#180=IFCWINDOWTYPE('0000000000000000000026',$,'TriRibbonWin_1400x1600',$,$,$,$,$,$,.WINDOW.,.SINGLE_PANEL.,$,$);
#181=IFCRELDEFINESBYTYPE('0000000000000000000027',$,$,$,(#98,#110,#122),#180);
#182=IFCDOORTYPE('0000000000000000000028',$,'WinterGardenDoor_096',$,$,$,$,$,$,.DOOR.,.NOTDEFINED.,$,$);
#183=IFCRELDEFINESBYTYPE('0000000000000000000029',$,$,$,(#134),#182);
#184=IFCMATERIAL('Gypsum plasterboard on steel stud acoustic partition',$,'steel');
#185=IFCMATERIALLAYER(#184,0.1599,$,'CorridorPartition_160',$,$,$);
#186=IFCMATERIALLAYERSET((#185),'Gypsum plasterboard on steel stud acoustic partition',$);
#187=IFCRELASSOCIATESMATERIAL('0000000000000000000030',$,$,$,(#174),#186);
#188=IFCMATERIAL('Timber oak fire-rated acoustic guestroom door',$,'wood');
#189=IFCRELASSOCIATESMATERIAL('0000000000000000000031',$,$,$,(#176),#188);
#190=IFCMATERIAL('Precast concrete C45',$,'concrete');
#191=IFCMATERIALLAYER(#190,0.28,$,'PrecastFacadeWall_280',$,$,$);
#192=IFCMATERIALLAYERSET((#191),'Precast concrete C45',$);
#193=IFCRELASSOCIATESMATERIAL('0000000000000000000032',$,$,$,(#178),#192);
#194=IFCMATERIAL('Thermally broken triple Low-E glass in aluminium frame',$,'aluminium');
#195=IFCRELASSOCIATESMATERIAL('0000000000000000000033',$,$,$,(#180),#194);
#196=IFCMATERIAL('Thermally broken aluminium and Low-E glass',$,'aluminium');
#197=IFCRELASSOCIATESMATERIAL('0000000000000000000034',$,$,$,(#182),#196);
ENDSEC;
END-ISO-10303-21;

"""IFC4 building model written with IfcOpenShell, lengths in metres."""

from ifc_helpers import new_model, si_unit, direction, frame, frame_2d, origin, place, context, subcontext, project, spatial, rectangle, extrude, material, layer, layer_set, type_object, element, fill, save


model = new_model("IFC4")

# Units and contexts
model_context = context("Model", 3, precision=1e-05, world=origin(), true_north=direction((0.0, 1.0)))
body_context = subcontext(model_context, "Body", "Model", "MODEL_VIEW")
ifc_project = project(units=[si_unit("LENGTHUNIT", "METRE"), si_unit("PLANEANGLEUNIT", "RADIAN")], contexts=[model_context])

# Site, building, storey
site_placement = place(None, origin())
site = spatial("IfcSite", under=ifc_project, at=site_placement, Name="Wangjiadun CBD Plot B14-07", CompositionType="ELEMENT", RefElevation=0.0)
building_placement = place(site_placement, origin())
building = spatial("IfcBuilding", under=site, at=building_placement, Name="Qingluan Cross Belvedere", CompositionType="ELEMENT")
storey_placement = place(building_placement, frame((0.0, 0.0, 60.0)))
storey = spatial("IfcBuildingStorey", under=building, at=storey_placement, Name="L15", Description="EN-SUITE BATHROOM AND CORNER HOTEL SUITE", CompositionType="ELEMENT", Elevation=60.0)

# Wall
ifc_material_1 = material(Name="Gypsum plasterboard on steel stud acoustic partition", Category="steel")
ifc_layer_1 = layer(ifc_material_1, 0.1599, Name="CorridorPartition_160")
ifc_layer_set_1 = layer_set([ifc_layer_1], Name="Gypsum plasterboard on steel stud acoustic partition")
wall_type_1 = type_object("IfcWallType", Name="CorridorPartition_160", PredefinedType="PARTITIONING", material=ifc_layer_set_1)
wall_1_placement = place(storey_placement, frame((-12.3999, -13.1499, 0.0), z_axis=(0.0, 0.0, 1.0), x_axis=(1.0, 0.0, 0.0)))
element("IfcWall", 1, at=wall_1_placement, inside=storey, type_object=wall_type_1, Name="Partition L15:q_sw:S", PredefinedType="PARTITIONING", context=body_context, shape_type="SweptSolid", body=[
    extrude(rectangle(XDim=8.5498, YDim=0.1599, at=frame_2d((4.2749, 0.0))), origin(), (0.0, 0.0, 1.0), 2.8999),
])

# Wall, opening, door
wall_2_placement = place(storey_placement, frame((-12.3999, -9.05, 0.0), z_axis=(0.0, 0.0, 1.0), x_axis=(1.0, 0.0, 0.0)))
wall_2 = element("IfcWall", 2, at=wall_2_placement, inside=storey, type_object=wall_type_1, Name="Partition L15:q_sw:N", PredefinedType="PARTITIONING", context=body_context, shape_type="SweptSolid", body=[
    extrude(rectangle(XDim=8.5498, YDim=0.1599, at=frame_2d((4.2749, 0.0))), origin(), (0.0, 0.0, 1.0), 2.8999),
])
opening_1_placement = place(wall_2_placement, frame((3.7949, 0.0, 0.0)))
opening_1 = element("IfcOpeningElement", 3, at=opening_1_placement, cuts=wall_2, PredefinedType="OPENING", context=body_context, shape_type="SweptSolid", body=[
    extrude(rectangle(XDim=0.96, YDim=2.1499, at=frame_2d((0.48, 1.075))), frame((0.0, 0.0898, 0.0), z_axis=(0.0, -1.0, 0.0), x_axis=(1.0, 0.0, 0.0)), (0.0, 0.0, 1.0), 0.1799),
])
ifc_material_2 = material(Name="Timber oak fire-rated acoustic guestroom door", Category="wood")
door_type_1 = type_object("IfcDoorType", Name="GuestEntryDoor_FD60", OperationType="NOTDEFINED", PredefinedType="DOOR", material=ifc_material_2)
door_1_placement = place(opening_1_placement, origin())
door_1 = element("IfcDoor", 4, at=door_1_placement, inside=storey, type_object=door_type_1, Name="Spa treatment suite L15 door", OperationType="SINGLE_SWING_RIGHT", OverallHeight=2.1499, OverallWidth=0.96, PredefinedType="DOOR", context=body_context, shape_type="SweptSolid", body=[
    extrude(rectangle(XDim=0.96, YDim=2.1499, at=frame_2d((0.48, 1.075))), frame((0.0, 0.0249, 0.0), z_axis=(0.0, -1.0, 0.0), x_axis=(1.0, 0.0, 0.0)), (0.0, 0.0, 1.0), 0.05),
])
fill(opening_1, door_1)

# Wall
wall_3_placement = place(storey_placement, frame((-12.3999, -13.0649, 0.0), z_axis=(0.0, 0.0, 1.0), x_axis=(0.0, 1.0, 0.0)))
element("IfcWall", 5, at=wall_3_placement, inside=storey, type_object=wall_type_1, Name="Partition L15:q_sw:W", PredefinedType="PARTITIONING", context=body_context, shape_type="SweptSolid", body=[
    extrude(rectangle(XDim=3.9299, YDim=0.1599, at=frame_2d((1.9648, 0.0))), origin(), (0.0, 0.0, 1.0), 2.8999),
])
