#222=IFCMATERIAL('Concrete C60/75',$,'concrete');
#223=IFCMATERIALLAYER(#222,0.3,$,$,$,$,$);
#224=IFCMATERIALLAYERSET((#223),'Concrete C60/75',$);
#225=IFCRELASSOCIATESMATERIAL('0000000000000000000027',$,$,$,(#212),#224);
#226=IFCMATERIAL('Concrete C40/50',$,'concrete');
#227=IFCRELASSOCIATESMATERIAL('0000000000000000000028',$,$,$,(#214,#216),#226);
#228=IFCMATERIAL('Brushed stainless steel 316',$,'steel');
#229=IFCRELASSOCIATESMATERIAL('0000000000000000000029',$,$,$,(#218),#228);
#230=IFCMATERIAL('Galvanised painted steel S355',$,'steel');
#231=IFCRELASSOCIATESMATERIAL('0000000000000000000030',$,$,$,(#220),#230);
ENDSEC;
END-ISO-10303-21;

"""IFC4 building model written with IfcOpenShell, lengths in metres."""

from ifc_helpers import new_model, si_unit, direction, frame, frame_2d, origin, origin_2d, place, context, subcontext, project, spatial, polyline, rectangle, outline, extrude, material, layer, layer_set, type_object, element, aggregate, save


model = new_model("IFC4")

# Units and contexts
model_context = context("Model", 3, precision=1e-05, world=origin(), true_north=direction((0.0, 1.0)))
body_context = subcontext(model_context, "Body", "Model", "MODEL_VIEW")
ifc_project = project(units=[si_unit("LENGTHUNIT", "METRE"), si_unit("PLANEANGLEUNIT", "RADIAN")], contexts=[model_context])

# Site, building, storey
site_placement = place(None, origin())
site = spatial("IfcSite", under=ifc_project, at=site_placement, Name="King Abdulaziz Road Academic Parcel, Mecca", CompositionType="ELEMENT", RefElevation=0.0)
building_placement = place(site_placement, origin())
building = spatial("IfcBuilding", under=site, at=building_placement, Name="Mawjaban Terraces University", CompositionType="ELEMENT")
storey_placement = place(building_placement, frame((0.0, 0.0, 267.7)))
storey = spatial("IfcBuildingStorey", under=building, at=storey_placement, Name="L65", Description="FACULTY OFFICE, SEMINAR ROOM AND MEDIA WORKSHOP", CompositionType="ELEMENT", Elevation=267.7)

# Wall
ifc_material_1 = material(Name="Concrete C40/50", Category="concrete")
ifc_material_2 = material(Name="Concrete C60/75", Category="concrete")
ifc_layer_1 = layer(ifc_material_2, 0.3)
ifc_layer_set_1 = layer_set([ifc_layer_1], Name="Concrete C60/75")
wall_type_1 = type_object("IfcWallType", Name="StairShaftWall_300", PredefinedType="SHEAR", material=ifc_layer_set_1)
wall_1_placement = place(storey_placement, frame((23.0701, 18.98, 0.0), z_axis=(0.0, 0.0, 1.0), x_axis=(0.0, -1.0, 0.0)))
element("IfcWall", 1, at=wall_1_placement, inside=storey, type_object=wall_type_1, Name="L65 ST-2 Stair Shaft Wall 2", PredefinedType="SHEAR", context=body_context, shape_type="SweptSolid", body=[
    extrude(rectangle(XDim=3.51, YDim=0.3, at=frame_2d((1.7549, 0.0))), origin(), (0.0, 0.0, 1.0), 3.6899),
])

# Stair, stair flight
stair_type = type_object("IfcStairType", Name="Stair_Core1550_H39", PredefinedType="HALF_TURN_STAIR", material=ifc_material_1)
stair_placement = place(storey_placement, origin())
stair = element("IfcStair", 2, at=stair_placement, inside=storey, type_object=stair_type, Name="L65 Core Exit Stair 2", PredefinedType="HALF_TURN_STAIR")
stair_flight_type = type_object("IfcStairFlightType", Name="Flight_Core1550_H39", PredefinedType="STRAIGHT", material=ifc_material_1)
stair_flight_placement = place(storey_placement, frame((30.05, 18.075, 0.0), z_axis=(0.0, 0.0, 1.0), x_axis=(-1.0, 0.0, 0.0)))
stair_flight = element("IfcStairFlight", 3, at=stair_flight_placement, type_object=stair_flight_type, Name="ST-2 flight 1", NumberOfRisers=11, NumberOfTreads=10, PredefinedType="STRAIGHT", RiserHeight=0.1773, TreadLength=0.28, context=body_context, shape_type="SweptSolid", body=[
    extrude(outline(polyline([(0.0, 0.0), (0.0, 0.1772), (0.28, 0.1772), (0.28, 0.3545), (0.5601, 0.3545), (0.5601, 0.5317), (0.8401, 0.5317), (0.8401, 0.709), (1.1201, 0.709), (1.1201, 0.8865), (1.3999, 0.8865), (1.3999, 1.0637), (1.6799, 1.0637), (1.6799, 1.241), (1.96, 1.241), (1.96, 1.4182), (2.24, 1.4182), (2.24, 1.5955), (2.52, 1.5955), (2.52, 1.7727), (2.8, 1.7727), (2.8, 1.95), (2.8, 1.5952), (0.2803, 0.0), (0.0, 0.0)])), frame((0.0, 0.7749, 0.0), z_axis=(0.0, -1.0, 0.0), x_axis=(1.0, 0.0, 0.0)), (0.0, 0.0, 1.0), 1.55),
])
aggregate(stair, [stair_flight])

* [What this task involves]
Where a line of the data above includes "fill", copy that line.

* [Problem solution]
from ifc_helpers import new_model, si_unit, direction, frame, frame_2d, origin, place, context, subcontext, project, spatial, rectangle, extrude, material, layer, layer_set, type_object, element, fill, save
fill(opening_1, door_1)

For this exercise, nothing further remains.